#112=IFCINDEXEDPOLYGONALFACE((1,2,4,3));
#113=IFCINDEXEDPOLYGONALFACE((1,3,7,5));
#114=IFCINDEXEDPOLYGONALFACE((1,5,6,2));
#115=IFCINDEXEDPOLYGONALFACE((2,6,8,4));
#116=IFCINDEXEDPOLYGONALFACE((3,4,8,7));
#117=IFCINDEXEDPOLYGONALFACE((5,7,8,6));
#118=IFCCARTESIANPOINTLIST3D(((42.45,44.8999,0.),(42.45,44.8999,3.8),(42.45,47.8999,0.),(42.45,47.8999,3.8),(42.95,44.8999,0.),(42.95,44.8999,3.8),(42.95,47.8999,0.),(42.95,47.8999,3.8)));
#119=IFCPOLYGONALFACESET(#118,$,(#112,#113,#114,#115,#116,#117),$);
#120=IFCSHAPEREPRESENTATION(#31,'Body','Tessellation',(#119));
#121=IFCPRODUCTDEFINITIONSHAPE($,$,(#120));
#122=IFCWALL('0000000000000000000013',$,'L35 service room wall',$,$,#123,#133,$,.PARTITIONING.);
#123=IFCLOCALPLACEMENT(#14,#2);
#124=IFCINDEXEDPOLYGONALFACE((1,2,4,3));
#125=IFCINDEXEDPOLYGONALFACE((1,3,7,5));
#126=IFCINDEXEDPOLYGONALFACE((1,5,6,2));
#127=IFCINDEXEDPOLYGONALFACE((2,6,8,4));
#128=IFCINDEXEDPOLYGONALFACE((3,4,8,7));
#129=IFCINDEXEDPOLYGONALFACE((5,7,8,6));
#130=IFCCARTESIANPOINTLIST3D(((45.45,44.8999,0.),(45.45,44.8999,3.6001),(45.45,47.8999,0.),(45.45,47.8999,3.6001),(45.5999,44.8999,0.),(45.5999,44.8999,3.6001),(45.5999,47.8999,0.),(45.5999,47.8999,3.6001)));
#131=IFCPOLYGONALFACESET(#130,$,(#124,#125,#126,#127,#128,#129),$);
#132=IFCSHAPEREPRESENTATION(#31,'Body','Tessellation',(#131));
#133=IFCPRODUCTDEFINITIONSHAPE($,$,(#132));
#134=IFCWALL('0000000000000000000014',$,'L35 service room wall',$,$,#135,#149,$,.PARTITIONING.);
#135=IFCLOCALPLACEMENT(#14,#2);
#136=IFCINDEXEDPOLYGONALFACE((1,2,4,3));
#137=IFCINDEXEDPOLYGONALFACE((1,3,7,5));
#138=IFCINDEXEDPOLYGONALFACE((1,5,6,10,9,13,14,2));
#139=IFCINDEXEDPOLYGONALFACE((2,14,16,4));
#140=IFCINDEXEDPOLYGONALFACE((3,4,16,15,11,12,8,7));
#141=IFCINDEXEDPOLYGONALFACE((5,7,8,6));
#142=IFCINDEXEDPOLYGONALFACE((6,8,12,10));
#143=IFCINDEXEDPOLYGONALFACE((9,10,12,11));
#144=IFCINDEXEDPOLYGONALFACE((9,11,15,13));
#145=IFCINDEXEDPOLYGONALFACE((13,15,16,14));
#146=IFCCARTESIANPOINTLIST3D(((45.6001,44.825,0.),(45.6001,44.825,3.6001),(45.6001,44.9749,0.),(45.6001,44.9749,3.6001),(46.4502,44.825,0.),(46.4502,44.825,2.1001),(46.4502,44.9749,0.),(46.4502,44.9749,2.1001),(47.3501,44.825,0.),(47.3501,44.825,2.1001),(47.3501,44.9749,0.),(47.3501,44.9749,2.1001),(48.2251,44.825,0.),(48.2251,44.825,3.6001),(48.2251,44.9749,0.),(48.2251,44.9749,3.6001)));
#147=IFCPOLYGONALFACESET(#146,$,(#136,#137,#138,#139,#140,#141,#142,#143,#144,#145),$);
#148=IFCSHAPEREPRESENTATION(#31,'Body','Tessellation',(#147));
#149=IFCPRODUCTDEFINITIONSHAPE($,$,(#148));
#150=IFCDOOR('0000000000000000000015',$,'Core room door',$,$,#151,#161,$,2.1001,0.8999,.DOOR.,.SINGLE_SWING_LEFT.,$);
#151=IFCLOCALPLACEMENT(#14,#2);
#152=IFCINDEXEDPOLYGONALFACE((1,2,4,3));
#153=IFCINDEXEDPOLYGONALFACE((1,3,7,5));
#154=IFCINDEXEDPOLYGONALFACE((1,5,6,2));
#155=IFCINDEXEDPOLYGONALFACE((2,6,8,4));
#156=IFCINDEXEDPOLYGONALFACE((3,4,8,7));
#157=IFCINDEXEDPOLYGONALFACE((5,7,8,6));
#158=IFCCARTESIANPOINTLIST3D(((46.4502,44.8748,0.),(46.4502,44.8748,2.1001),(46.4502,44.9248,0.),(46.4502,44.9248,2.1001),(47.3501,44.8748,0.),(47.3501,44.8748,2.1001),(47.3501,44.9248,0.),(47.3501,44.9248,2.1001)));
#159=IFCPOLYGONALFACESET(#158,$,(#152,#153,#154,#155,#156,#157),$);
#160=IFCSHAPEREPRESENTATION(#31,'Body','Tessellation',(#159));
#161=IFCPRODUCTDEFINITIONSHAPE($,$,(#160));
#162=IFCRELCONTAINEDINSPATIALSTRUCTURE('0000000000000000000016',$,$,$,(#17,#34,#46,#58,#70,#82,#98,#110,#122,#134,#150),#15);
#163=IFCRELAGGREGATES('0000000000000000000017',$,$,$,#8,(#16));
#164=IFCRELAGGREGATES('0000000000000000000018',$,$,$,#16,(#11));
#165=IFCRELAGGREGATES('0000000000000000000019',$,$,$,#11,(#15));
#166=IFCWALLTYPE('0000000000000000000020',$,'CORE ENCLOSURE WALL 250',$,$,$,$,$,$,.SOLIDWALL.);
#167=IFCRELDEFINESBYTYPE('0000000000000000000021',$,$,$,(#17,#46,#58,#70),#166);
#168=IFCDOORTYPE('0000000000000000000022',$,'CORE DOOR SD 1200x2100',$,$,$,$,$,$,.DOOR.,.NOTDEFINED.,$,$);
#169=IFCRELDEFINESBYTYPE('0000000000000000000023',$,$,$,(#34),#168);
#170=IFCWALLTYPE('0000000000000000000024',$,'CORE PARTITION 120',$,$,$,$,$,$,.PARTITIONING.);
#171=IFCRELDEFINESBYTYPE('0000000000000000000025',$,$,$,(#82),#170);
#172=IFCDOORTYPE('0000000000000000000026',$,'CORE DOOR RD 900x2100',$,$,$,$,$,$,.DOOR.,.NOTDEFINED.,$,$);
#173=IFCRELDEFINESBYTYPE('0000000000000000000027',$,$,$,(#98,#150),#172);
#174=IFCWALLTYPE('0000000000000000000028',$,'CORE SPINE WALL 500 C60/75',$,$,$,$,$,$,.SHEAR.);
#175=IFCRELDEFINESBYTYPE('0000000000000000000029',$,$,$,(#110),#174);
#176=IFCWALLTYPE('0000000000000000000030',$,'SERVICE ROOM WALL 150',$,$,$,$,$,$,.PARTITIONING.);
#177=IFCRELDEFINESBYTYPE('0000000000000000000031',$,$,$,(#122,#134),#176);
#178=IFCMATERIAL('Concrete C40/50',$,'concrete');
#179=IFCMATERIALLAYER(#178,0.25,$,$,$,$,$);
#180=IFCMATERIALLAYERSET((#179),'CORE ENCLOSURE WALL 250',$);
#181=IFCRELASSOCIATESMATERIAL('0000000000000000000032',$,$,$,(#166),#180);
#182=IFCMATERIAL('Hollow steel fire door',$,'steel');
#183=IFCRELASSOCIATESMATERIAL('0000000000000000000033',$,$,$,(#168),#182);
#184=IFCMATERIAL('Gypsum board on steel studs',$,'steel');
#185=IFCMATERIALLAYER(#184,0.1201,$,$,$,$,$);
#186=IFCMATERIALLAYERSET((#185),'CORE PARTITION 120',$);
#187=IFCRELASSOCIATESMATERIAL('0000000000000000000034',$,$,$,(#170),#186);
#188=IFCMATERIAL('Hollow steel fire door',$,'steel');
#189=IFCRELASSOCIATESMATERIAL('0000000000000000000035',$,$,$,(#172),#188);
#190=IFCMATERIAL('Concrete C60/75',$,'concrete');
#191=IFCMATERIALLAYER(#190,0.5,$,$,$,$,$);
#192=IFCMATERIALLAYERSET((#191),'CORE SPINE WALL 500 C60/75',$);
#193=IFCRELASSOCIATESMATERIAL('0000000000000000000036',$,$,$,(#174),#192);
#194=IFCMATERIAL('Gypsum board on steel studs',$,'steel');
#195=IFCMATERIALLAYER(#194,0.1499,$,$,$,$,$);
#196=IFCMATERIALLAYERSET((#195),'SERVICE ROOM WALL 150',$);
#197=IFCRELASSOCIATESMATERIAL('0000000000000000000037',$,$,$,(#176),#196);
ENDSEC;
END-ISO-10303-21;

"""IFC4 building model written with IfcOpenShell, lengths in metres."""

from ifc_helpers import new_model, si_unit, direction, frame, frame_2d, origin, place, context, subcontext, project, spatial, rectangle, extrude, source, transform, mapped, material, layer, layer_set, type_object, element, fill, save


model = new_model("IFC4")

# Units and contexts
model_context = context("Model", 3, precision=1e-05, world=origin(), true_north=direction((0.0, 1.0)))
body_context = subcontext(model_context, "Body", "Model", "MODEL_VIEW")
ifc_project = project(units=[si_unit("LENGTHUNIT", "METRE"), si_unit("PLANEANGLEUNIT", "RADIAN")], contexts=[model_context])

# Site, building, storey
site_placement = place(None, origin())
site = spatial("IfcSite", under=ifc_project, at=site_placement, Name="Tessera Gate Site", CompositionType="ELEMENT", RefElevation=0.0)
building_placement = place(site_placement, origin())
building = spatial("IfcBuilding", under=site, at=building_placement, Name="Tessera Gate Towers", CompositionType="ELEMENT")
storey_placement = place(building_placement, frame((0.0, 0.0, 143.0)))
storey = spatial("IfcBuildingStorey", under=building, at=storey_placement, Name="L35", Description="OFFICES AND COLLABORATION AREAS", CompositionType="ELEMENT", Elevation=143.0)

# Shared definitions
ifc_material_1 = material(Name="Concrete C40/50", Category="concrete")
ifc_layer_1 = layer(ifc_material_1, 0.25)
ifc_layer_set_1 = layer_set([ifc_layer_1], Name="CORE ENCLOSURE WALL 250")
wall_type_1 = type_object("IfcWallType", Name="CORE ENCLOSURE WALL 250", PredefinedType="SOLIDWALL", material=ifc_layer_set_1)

━━━━

*What to produce:* Filter the records above down to the lines containing "contexts".

*Output for this exercise:*
# Units and contexts
ifc_project = project(units=[si_unit("LENGTHUNIT", "METRE"), si_unit("PLANEANGLEUNIT", "RADIAN")], contexts=[model_context])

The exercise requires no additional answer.